(Stored data)
================
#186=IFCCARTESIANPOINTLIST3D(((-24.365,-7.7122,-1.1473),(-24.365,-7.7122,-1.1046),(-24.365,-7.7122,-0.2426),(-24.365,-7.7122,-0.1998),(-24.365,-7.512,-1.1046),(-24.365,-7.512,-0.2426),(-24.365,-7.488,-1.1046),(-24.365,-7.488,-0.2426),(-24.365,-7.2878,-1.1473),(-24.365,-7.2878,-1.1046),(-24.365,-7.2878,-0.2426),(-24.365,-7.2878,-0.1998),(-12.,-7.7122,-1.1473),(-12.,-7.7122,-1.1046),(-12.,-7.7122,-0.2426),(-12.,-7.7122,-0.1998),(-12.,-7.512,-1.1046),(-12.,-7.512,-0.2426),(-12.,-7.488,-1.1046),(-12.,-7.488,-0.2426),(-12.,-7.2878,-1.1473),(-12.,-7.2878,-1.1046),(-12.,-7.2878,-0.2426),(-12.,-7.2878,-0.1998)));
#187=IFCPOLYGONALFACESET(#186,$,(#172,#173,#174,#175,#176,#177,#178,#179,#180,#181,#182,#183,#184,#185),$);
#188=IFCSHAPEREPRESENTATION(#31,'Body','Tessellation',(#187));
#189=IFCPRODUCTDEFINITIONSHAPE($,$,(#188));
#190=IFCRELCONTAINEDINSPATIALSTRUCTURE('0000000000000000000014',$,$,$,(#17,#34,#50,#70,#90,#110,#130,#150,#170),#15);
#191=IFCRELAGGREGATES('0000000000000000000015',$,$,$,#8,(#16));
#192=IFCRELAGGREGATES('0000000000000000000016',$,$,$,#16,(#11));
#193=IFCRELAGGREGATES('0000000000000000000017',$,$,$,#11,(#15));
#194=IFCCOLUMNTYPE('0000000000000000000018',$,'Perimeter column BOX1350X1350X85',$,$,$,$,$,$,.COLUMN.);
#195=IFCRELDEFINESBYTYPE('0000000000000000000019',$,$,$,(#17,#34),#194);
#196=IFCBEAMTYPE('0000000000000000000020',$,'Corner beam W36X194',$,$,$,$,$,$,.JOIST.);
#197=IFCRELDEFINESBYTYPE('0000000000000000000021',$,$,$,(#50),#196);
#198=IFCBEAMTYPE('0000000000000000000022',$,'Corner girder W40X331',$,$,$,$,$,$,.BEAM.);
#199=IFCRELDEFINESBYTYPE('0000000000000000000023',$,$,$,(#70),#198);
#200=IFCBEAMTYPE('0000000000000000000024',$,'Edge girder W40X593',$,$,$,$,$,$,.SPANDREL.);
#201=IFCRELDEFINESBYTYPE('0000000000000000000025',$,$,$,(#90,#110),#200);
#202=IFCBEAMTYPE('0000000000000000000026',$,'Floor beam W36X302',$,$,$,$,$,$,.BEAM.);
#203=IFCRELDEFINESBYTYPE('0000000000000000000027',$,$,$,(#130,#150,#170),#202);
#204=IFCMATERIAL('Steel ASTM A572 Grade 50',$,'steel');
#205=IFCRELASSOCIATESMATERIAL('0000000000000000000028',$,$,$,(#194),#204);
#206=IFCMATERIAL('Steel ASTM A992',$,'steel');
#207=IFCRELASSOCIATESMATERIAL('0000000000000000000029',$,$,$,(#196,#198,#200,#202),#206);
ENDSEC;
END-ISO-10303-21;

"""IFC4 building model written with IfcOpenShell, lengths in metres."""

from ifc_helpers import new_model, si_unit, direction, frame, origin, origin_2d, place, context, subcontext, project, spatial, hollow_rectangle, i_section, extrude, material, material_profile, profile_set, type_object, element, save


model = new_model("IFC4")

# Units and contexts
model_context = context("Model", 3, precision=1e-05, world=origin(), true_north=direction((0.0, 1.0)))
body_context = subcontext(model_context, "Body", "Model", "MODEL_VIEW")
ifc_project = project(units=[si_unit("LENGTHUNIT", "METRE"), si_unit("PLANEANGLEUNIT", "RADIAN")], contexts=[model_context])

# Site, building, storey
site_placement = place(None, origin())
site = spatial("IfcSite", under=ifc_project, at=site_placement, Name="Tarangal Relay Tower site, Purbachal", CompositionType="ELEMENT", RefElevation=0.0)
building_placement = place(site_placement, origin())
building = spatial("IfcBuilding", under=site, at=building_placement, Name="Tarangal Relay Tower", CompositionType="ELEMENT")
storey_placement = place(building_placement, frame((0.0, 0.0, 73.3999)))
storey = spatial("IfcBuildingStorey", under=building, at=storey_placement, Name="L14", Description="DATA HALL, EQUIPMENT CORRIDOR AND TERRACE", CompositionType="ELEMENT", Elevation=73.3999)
================
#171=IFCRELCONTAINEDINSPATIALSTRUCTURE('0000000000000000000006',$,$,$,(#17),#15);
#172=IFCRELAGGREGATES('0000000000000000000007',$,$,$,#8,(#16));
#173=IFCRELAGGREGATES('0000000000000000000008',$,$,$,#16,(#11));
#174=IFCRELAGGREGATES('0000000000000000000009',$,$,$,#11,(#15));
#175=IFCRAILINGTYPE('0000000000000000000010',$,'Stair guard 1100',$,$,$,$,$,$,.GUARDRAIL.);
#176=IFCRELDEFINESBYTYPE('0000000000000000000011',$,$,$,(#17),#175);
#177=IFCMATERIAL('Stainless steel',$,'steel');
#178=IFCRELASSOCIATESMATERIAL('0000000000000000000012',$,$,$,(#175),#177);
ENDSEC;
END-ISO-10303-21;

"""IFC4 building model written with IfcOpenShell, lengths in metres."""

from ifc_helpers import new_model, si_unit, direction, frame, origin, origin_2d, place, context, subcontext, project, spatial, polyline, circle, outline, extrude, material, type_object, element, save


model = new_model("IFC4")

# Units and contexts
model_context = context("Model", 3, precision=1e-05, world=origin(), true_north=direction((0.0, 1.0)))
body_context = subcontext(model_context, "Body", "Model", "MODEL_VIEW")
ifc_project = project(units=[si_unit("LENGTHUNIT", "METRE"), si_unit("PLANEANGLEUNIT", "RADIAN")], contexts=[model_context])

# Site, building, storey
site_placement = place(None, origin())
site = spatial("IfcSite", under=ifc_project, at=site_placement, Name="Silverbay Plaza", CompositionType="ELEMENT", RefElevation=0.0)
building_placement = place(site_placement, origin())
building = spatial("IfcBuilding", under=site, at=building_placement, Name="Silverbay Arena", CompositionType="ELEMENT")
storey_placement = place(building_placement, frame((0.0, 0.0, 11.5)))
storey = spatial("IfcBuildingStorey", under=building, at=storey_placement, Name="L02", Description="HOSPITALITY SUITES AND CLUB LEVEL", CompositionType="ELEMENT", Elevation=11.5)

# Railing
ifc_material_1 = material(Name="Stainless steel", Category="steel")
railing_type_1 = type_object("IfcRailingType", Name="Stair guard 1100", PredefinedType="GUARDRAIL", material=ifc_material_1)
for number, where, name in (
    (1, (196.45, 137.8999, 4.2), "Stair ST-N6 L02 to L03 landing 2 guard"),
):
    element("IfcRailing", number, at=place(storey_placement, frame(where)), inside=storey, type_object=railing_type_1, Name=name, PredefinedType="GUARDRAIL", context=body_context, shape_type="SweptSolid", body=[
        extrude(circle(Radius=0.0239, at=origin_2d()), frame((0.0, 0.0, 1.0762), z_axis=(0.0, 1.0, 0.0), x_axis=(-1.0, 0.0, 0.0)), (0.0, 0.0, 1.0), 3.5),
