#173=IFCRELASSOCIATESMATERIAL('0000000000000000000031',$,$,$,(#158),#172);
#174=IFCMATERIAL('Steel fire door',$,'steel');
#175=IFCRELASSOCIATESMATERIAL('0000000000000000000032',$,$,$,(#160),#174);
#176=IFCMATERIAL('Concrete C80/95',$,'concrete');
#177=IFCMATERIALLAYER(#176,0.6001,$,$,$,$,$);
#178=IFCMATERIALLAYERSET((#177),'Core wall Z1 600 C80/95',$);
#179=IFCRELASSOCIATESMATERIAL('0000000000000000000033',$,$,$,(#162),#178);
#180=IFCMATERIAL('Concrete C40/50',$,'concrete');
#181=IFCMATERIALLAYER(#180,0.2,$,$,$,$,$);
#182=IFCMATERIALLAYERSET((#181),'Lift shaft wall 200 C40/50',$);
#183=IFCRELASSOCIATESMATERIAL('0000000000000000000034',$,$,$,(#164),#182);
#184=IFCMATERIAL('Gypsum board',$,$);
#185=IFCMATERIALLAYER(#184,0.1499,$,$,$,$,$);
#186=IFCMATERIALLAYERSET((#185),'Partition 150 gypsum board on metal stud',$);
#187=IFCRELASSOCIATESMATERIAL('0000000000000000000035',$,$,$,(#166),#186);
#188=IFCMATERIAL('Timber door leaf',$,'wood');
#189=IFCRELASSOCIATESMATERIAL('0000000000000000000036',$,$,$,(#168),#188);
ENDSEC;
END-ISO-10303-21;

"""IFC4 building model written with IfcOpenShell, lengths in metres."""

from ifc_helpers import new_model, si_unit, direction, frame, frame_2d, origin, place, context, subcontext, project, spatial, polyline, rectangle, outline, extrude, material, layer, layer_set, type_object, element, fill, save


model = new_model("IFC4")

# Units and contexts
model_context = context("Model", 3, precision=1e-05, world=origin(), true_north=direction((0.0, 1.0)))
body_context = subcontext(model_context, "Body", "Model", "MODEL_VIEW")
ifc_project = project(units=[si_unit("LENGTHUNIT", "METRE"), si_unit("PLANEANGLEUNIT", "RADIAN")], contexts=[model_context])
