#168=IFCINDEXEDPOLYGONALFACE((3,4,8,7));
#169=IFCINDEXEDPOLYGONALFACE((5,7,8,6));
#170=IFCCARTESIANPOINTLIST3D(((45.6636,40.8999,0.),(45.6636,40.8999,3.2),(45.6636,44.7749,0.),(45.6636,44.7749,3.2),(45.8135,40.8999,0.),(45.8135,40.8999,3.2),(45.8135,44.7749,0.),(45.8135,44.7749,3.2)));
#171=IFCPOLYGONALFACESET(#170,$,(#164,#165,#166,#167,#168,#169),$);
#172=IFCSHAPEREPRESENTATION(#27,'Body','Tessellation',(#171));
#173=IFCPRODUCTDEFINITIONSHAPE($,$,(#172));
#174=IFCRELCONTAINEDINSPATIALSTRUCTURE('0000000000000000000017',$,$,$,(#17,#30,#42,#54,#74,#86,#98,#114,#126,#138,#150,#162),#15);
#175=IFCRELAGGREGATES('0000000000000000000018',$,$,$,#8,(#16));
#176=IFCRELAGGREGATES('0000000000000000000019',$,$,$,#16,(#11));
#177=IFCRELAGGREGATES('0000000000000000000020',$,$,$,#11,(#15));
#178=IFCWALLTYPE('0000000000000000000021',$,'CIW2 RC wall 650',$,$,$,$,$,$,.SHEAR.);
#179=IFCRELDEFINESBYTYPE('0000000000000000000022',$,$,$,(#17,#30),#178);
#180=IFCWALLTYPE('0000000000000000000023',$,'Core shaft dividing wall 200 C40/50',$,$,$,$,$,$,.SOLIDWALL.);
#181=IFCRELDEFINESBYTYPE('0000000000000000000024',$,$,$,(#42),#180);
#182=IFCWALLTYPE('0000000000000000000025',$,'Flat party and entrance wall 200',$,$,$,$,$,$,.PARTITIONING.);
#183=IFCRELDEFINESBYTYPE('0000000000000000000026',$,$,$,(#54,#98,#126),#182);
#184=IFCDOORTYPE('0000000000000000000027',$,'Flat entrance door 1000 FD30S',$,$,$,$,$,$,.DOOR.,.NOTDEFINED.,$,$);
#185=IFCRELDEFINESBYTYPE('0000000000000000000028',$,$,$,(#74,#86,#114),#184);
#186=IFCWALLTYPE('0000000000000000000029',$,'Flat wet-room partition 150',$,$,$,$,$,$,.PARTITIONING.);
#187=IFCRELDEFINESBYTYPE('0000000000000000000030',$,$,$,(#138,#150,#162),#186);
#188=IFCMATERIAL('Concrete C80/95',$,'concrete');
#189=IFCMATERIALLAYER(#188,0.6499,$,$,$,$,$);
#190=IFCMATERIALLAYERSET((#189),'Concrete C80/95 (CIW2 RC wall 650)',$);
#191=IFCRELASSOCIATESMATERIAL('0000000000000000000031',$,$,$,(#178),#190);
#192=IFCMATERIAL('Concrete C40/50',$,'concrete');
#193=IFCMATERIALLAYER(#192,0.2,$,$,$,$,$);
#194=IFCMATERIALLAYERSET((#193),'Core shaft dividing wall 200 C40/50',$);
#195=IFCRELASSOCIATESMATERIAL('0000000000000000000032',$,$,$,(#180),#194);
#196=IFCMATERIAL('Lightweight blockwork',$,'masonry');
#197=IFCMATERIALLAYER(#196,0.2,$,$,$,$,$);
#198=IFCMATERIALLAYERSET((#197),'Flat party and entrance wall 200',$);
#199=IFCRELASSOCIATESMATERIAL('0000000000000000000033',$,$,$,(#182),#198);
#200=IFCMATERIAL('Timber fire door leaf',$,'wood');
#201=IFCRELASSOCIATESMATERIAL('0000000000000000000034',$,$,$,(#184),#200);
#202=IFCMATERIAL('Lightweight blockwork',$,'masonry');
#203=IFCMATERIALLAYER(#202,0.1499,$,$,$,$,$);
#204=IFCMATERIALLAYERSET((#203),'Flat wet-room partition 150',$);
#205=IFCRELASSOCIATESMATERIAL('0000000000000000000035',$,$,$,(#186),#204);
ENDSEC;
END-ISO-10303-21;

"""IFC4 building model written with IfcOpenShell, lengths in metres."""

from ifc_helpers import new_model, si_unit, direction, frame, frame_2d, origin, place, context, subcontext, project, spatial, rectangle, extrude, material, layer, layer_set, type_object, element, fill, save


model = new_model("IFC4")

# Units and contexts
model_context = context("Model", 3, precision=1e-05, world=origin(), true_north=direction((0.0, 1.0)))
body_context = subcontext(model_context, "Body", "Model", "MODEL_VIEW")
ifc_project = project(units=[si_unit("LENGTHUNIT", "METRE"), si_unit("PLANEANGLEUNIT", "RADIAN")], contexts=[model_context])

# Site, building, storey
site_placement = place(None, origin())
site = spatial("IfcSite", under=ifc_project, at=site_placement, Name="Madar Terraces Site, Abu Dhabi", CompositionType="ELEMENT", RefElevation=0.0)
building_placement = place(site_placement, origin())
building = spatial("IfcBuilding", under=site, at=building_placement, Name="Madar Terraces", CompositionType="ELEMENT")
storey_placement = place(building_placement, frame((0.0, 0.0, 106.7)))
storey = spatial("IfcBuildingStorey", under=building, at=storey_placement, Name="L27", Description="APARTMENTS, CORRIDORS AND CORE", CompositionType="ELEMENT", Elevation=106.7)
================
YOUR OBJECTIVE
If a line in the records holds the word "shaft", count it, then give only the total.

SOLUTION TO THIS TASK
3